Input data
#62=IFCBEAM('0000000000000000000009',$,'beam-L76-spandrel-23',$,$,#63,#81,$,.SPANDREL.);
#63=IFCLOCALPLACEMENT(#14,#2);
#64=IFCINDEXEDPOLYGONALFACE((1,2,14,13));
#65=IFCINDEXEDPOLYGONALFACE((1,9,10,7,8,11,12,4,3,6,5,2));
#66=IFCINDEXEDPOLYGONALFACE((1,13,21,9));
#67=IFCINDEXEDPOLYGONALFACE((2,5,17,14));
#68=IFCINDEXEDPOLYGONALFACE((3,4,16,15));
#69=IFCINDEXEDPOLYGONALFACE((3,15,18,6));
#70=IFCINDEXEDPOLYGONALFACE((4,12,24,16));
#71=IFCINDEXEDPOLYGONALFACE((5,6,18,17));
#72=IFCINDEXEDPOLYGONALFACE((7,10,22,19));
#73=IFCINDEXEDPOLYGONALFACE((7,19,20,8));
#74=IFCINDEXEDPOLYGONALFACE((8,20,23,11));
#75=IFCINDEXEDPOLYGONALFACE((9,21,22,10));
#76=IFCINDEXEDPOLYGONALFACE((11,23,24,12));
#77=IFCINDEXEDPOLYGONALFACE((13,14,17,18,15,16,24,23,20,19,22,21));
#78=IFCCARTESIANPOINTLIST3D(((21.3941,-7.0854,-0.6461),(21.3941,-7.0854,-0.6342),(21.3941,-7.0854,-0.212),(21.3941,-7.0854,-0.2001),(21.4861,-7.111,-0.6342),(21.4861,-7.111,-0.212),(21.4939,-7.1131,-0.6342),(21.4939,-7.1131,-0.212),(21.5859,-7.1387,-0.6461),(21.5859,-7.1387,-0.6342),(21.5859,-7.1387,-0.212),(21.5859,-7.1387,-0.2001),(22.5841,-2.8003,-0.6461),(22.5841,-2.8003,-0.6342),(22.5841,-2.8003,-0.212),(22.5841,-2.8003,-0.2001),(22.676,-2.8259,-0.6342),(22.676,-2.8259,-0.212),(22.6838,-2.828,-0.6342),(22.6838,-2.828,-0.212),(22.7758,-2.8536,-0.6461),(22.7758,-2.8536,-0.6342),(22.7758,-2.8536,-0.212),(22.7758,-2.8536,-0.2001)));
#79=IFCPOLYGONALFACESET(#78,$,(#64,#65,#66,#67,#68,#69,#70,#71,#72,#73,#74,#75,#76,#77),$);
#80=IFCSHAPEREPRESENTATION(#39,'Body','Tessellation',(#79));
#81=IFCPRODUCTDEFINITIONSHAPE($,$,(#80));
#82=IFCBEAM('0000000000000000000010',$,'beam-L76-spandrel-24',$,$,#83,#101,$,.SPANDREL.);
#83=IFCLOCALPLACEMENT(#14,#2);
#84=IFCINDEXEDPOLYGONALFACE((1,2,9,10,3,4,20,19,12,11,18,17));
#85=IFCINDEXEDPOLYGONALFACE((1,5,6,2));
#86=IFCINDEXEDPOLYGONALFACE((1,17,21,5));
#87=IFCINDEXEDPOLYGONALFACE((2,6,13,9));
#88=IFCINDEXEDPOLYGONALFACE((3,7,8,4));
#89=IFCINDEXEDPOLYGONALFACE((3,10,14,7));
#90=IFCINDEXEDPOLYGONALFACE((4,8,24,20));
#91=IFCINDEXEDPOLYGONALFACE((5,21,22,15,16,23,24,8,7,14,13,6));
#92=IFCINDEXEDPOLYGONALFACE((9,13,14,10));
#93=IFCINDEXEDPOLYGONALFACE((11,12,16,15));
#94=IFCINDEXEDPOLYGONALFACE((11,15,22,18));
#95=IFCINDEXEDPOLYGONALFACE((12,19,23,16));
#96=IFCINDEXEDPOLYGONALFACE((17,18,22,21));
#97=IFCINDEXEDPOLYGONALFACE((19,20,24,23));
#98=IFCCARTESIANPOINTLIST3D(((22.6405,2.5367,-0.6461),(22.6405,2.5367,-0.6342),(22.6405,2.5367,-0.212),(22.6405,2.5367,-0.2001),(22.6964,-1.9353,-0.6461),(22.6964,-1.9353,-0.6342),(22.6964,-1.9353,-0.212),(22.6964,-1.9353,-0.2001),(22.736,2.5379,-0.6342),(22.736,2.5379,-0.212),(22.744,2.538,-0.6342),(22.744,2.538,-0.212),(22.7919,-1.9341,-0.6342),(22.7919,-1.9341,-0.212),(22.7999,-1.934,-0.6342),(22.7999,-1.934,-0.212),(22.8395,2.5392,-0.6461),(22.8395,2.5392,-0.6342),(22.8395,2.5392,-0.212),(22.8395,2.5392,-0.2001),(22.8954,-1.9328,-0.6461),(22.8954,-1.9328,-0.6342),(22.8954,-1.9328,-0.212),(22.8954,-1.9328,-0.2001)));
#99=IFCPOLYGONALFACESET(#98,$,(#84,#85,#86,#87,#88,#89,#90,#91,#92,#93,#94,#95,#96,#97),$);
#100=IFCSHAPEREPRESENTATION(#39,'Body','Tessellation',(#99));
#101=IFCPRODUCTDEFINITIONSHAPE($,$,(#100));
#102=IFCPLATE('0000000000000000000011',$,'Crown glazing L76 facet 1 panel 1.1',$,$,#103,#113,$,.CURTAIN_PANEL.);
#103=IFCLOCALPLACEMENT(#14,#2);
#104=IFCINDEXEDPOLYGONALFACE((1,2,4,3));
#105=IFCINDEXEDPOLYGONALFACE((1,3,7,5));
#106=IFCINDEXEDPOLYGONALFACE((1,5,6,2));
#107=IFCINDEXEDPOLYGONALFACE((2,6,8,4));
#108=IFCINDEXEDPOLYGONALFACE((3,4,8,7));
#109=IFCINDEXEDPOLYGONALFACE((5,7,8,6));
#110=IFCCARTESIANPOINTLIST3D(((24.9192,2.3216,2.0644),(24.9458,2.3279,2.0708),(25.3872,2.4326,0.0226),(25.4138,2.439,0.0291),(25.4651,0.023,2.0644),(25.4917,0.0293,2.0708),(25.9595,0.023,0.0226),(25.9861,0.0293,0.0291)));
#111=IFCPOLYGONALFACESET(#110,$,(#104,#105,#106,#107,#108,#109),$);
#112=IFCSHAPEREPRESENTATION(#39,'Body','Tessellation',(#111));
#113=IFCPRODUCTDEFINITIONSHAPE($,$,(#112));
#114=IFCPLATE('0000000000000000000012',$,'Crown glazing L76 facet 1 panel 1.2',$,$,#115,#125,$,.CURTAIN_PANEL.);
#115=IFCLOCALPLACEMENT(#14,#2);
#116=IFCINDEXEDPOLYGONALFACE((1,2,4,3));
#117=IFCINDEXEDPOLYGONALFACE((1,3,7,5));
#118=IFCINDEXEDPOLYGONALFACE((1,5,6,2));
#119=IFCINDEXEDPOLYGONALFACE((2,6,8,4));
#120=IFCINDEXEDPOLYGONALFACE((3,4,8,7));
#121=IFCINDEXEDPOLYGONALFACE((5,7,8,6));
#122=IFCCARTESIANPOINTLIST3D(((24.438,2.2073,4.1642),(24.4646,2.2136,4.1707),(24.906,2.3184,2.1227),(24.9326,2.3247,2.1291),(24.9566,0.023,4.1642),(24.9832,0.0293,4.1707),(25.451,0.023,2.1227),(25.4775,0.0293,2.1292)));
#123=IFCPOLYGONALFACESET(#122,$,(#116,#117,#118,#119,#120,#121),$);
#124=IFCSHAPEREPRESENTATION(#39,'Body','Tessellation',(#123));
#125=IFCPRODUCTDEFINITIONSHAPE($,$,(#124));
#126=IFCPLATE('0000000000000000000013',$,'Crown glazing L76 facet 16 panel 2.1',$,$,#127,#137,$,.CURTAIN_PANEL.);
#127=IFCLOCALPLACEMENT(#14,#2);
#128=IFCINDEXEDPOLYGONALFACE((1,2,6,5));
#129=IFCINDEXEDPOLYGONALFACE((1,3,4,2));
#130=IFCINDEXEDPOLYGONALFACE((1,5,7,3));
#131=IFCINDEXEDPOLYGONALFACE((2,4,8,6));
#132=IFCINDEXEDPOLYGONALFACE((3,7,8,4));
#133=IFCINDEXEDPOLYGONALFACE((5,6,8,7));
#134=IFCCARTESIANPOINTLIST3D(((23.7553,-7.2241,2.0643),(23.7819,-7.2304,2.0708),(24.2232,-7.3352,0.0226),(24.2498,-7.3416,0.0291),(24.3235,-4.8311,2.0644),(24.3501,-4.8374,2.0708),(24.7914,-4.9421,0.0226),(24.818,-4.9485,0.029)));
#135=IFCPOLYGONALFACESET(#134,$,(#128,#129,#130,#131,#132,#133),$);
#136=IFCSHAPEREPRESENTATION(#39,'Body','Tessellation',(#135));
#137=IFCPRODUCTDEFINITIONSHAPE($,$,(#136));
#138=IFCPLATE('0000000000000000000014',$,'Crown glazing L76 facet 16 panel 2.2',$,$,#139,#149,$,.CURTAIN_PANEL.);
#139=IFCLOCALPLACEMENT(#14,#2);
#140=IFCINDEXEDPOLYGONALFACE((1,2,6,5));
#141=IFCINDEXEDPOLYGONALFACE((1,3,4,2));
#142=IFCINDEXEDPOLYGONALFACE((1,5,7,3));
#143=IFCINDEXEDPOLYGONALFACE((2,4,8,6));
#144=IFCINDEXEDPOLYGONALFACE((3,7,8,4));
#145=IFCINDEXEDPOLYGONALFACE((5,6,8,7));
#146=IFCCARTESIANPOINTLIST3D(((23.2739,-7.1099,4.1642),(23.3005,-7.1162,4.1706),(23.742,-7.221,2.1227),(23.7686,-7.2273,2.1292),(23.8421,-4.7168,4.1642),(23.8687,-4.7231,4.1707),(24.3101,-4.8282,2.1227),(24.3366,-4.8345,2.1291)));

Task to complete
Go line by line through the records above and copy each one containing "Crown".

Solution for this exercise
#102=IFCPLATE('0000000000000000000011',$,'Crown glazing L76 facet 1 panel 1.1',$,$,#103,#113,$,.CURTAIN_PANEL.);
#114=IFCPLATE('0000000000000000000012',$,'Crown glazing L76 facet 1 panel 1.2',$,$,#115,#125,$,.CURTAIN_PANEL.);
#126=IFCPLATE('0000000000000000000013',$,'Crown glazing L76 facet 16 panel 2.1',$,$,#127,#137,$,.CURTAIN_PANEL.);
#138=IFCPLATE('0000000000000000000014',$,'Crown glazing L76 facet 16 panel 2.2',$,$,#139,#149,$,.CURTAIN_PANEL.);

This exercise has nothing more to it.